### Your assignment
The expected answer comprises all lines from the entries that contain the string "extrude".

### Data for this exercise

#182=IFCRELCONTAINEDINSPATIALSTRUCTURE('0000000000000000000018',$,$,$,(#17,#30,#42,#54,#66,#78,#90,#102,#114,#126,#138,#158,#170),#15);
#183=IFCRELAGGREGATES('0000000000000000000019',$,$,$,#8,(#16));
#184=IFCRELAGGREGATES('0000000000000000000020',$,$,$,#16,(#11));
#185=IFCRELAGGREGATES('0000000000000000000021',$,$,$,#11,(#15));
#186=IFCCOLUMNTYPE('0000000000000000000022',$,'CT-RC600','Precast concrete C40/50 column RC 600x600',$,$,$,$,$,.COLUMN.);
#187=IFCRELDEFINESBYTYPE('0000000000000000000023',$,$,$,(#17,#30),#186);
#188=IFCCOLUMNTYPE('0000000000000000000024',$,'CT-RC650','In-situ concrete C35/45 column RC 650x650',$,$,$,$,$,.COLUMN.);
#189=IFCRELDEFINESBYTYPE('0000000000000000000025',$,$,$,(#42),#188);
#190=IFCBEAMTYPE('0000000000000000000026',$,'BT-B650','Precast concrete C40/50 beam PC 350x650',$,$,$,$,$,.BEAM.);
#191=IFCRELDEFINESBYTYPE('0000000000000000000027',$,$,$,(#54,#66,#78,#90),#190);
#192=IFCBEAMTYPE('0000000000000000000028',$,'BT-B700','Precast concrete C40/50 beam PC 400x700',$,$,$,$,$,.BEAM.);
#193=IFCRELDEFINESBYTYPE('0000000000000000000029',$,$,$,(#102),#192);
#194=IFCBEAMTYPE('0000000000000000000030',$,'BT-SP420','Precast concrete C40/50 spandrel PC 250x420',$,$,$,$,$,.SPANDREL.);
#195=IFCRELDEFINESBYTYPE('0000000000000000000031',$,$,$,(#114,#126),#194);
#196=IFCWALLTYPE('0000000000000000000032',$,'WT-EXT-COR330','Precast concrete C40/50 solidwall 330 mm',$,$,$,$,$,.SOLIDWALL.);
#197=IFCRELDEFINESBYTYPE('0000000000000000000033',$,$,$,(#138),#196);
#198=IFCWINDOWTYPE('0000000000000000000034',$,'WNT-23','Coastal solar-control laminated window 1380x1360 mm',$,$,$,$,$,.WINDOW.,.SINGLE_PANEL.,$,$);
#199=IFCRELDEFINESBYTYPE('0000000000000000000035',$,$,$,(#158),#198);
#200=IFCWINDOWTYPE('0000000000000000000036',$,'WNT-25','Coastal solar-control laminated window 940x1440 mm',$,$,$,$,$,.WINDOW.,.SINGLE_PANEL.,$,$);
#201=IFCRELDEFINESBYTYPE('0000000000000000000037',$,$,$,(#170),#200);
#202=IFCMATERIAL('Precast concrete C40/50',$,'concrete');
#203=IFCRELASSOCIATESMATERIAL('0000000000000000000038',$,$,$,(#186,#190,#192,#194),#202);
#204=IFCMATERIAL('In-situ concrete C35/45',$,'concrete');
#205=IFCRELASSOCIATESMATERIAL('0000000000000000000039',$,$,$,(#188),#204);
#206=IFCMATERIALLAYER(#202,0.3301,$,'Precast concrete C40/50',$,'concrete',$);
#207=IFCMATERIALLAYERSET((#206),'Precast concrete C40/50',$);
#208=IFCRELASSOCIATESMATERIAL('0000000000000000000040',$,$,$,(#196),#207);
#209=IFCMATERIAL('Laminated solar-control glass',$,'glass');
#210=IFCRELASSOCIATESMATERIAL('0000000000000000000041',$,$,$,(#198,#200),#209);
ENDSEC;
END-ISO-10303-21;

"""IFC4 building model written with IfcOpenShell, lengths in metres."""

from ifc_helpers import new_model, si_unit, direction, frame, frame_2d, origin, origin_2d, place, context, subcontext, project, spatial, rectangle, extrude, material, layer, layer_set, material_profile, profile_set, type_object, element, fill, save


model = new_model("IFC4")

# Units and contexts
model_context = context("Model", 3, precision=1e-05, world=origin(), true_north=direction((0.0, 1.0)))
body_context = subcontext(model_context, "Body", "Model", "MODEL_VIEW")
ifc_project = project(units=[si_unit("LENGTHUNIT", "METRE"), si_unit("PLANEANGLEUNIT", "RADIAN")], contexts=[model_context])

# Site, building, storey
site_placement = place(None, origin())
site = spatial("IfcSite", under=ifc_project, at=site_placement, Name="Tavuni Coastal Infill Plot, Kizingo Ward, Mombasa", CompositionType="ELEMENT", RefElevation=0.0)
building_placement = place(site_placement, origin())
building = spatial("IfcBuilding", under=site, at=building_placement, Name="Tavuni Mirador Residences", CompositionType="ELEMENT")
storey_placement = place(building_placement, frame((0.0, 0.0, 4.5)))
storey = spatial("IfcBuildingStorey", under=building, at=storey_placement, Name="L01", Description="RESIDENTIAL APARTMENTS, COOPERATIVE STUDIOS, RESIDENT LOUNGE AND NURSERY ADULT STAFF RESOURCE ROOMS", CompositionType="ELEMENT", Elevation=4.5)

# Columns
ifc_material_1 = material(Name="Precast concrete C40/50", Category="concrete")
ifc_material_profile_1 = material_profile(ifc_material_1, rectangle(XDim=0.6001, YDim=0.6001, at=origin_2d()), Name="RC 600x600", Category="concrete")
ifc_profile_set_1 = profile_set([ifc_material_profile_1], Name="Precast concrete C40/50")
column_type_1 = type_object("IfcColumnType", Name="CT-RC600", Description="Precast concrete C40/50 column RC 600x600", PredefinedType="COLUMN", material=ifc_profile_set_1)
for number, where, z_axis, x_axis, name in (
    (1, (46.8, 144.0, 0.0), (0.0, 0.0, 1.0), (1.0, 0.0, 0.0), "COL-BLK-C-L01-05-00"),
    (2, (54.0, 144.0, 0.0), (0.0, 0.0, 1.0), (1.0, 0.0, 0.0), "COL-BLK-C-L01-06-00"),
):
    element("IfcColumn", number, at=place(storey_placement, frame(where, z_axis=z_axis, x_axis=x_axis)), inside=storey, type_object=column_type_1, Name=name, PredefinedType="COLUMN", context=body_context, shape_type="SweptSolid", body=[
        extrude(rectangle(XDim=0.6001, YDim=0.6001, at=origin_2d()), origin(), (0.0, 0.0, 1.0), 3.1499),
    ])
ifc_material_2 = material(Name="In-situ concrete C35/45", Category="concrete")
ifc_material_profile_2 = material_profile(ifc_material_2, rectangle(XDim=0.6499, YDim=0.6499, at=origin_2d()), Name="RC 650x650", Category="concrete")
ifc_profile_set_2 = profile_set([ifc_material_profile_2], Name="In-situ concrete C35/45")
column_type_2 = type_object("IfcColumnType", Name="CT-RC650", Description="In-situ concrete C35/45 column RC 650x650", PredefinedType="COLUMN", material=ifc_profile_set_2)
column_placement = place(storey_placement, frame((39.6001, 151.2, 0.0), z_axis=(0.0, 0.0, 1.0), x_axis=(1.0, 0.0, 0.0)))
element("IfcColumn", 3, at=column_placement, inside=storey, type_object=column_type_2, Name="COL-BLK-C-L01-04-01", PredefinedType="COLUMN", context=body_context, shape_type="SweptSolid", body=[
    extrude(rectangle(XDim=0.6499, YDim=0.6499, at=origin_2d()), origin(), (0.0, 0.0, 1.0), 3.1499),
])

### Exercise solution
from ifc_helpers import new_model, si_unit, direction, frame, frame_2d, origin, origin_2d, place, context, subcontext, project, spatial, rectangle, extrude, material, layer, layer_set, material_profile, profile_set, type_object, element, fill, save
        extrude(rectangle(XDim=0.6001, YDim=0.6001, at=origin_2d()), origin(), (0.0, 0.0, 1.0), 3.1499),
    extrude(rectangle(XDim=0.6499, YDim=0.6499, at=origin_2d()), origin(), (0.0, 0.0, 1.0), 3.1499),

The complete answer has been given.